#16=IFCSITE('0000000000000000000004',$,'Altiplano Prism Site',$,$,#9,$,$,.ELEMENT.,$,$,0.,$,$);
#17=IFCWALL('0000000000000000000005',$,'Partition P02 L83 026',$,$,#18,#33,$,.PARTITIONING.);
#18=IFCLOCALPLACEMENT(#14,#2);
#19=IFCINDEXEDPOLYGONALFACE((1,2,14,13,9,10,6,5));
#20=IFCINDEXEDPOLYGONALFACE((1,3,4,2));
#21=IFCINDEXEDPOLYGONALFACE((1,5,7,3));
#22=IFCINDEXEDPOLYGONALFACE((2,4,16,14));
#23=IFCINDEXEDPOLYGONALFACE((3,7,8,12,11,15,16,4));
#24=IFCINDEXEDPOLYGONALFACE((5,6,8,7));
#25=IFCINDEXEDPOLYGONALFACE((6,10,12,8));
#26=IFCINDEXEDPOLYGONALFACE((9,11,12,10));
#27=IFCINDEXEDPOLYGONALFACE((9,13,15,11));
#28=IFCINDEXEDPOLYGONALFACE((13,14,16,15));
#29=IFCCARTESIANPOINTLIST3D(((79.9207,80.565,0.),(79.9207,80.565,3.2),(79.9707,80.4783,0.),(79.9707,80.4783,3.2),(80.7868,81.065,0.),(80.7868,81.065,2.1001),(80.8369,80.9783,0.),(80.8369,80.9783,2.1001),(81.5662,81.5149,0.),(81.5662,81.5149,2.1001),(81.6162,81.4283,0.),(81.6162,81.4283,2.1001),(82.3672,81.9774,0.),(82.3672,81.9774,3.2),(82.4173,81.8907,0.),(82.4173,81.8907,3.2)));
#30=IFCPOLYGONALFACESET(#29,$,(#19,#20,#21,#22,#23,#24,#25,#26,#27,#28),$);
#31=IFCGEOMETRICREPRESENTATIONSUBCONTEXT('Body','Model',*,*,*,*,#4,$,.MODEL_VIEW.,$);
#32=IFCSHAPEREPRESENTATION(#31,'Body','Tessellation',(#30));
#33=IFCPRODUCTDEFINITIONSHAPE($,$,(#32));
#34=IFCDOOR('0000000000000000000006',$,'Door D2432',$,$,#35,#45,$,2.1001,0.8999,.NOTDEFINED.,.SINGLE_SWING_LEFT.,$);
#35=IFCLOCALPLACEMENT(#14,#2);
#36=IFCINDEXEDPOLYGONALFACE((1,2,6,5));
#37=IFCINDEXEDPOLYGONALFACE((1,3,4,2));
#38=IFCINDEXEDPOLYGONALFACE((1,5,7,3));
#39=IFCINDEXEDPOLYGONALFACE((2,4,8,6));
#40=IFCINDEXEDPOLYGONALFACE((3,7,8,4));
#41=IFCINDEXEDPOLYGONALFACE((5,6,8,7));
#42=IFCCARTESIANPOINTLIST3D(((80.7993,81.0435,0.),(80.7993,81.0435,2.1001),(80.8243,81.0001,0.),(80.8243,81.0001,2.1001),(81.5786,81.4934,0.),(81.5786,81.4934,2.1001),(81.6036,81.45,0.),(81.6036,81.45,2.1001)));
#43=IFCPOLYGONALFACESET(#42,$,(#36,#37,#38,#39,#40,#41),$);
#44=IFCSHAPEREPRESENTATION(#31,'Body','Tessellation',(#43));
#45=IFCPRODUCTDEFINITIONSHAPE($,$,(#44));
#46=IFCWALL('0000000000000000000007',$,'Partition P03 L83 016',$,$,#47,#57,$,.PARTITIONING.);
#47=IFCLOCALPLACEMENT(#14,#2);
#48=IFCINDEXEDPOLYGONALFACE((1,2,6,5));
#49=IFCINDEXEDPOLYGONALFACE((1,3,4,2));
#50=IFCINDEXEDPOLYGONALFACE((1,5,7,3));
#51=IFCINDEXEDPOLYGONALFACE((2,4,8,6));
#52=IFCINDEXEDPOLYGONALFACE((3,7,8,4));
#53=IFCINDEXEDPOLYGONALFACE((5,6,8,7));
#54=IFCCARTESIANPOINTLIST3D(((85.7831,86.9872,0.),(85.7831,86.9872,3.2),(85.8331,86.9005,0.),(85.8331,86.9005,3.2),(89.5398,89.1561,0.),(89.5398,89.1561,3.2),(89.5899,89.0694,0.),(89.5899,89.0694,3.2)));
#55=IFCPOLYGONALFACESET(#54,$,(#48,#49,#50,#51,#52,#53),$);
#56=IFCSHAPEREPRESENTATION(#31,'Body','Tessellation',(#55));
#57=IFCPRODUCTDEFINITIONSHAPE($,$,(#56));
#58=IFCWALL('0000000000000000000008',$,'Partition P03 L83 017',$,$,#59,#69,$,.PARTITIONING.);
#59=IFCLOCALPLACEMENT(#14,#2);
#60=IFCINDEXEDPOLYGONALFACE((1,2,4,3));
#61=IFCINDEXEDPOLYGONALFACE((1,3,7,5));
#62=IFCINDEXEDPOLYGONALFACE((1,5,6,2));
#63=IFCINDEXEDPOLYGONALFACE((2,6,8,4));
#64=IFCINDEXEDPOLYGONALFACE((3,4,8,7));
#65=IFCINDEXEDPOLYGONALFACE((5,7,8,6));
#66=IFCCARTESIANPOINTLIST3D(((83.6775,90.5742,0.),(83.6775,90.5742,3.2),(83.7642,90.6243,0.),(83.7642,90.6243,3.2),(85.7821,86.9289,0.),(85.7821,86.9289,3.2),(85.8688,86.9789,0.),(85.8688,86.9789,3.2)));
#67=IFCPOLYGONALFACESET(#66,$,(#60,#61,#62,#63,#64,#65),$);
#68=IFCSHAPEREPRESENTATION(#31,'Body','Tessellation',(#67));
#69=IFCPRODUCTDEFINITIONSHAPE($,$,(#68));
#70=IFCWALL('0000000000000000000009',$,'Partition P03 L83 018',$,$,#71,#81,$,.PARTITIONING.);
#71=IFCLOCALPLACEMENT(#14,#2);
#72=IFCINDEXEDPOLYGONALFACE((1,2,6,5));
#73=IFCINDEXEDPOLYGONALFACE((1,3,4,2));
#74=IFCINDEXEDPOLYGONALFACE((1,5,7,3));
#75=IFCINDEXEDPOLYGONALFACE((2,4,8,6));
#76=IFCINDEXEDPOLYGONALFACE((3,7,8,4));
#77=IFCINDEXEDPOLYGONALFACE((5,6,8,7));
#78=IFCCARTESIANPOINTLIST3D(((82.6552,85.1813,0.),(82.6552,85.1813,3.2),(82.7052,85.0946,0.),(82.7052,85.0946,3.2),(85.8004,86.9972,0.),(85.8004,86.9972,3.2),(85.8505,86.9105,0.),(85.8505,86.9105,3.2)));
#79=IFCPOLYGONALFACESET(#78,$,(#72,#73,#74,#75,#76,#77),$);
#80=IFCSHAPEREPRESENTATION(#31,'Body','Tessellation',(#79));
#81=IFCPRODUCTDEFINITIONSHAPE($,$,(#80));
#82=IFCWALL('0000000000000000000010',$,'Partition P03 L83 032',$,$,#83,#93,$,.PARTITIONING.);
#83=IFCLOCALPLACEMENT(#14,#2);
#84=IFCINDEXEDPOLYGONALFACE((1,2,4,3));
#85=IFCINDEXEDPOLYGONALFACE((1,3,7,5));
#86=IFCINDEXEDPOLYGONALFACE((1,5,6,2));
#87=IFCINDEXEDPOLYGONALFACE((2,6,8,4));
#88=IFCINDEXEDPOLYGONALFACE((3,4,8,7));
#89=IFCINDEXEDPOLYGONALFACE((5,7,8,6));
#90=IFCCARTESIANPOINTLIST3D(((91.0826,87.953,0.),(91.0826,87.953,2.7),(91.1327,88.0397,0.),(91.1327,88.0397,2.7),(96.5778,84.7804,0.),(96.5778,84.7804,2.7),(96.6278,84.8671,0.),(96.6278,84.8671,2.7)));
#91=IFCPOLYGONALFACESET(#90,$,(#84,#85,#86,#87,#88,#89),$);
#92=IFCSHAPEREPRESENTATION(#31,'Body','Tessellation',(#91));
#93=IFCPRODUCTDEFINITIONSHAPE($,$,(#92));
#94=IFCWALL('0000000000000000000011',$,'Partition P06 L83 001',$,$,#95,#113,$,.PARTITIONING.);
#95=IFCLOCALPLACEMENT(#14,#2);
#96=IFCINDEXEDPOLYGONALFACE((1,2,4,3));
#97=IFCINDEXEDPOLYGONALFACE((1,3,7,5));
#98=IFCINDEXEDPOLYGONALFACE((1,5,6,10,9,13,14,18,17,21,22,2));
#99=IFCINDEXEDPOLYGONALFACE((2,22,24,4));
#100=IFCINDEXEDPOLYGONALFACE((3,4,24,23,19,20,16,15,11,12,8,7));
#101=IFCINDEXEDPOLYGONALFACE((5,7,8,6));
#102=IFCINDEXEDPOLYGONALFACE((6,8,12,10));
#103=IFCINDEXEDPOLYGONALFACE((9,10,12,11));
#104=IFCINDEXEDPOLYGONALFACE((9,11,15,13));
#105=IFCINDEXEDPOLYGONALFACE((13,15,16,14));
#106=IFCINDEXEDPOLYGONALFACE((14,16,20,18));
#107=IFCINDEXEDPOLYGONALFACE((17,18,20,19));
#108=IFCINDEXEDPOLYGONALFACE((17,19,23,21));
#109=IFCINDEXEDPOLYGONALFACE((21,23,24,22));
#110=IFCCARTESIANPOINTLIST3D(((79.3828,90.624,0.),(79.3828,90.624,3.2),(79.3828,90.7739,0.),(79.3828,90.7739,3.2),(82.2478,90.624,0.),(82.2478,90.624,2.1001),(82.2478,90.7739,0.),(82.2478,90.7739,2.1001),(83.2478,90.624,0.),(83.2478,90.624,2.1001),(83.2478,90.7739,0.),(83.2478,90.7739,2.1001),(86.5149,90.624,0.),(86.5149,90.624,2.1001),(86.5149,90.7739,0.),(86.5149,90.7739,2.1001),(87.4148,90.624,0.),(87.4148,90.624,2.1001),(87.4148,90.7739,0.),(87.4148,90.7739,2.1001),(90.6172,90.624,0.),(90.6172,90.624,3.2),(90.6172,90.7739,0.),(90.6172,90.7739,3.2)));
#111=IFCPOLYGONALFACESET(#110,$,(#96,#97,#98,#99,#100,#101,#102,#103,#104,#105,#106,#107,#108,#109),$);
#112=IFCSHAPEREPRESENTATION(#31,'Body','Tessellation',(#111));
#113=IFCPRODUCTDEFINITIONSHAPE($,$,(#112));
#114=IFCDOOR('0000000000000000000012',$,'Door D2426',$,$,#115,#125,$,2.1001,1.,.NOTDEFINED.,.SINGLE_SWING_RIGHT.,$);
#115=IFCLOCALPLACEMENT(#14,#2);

PROBLEM DETAILS
The lines running from the start of the data through the one that contains "#33=IFCPRODUCTDEFINITIONSHAPE($,$,(#32));" should be reproduced exactly, and only those.

SOLUTION TO THIS PROBLEM
#16=IFCSITE('0000000000000000000004',$,'Altiplano Prism Site',$,$,#9,$,$,.ELEMENT.,$,$,0.,$,$);
#17=IFCWALL('0000000000000000000005',$,'Partition P02 L83 026',$,$,#18,#33,$,.PARTITIONING.);
#18=IFCLOCALPLACEMENT(#14,#2);
#19=IFCINDEXEDPOLYGONALFACE((1,2,14,13,9,10,6,5));
#20=IFCINDEXEDPOLYGONALFACE((1,3,4,2));
#21=IFCINDEXEDPOLYGONALFACE((1,5,7,3));
#22=IFCINDEXEDPOLYGONALFACE((2,4,16,14));
#23=IFCINDEXEDPOLYGONALFACE((3,7,8,12,11,15,16,4));
#24=IFCINDEXEDPOLYGONALFACE((5,6,8,7));
#25=IFCINDEXEDPOLYGONALFACE((6,10,12,8));
#26=IFCINDEXEDPOLYGONALFACE((9,11,12,10));
#27=IFCINDEXEDPOLYGONALFACE((9,13,15,11));
#28=IFCINDEXEDPOLYGONALFACE((13,14,16,15));
#29=IFCCARTESIANPOINTLIST3D(((79.9207,80.565,0.),(79.9207,80.565,3.2),(79.9707,80.4783,0.),(79.9707,80.4783,3.2),(80.7868,81.065,0.),(80.7868,81.065,2.1001),(80.8369,80.9783,0.),(80.8369,80.9783,2.1001),(81.5662,81.5149,0.),(81.5662,81.5149,2.1001),(81.6162,81.4283,0.),(81.6162,81.4283,2.1001),(82.3672,81.9774,0.),(82.3672,81.9774,3.2),(82.4173,81.8907,0.),(82.4173,81.8907,3.2)));
#30=IFCPOLYGONALFACESET(#29,$,(#19,#20,#21,#22,#23,#24,#25,#26,#27,#28),$);
#31=IFCGEOMETRICREPRESENTATIONSUBCONTEXT('Body','Model',*,*,*,*,#4,$,.MODEL_VIEW.,$);
#32=IFCSHAPEREPRESENTATION(#31,'Body','Tessellation',(#30));
#33=IFCPRODUCTDEFINITIONSHAPE($,$,(#32));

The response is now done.